**Records shown**
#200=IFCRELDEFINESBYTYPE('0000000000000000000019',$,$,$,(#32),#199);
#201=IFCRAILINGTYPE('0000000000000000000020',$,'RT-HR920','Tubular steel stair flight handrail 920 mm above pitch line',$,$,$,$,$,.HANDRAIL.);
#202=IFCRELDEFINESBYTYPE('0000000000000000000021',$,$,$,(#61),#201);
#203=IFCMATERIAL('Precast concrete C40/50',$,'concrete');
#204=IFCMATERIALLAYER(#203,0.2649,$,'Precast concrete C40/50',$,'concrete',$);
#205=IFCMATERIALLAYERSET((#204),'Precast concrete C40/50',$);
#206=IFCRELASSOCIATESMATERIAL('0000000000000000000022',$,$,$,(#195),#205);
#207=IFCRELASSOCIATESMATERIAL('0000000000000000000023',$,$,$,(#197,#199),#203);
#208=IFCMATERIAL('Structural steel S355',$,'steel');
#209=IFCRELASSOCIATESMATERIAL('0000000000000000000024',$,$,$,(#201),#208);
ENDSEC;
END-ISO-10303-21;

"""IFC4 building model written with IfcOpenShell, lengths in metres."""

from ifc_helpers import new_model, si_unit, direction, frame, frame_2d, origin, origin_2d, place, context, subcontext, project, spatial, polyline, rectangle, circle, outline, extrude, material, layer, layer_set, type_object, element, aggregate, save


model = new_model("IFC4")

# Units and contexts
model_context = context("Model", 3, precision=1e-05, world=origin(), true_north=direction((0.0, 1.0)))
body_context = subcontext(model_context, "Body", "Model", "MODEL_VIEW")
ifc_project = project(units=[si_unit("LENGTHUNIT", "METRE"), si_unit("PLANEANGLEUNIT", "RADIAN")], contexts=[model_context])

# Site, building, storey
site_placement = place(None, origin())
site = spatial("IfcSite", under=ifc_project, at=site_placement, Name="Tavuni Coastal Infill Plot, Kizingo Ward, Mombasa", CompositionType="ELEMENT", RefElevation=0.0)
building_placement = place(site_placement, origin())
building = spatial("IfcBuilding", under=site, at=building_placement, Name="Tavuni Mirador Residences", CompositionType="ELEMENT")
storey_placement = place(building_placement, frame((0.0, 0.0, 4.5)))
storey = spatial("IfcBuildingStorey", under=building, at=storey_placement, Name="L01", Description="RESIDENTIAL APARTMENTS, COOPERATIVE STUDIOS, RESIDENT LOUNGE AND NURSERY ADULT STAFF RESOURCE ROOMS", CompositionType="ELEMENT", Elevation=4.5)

**What this task involves**
Send back the complete set of entries, exactly as shown above.

**Solution**
#200=IFCRELDEFINESBYTYPE('0000000000000000000019',$,$,$,(#32),#199);
#201=IFCRAILINGTYPE('0000000000000000000020',$,'RT-HR920','Tubular steel stair flight handrail 920 mm above pitch line',$,$,$,$,$,.HANDRAIL.);
#202=IFCRELDEFINESBYTYPE('0000000000000000000021',$,$,$,(#61),#201);
#203=IFCMATERIAL('Precast concrete C40/50',$,'concrete');
#204=IFCMATERIALLAYER(#203,0.2649,$,'Precast concrete C40/50',$,'concrete',$);
#205=IFCMATERIALLAYERSET((#204),'Precast concrete C40/50',$);
#206=IFCRELASSOCIATESMATERIAL('0000000000000000000022',$,$,$,(#195),#205);
#207=IFCRELASSOCIATESMATERIAL('0000000000000000000023',$,$,$,(#197,#199),#203);
#208=IFCMATERIAL('Structural steel S355',$,'steel');
#209=IFCRELASSOCIATESMATERIAL('0000000000000000000024',$,$,$,(#201),#208);
ENDSEC;
END-ISO-10303-21;

"""IFC4 building model written with IfcOpenShell, lengths in metres."""

from ifc_helpers import new_model, si_unit, direction, frame, frame_2d, origin, origin_2d, place, context, subcontext, project, spatial, polyline, rectangle, circle, outline, extrude, material, layer, layer_set, type_object, element, aggregate, save


model = new_model("IFC4")

# Units and contexts
model_context = context("Model", 3, precision=1e-05, world=origin(), true_north=direction((0.0, 1.0)))
body_context = subcontext(model_context, "Body", "Model", "MODEL_VIEW")
ifc_project = project(units=[si_unit("LENGTHUNIT", "METRE"), si_unit("PLANEANGLEUNIT", "RADIAN")], contexts=[model_context])

# Site, building, storey
site_placement = place(None, origin())
site = spatial("IfcSite", under=ifc_project, at=site_placement, Name="Tavuni Coastal Infill Plot, Kizingo Ward, Mombasa", CompositionType="ELEMENT", RefElevation=0.0)
building_placement = place(site_placement, origin())
building = spatial("IfcBuilding", under=site, at=building_placement, Name="Tavuni Mirador Residences", CompositionType="ELEMENT")
storey_placement = place(building_placement, frame((0.0, 0.0, 4.5)))
storey = spatial("IfcBuildingStorey", under=building, at=storey_placement, Name="L01", Description="RESIDENTIAL APARTMENTS, COOPERATIVE STUDIOS, RESIDENT LOUNGE AND NURSERY ADULT STAFF RESOURCE ROOMS", CompositionType="ELEMENT", Elevation=4.5)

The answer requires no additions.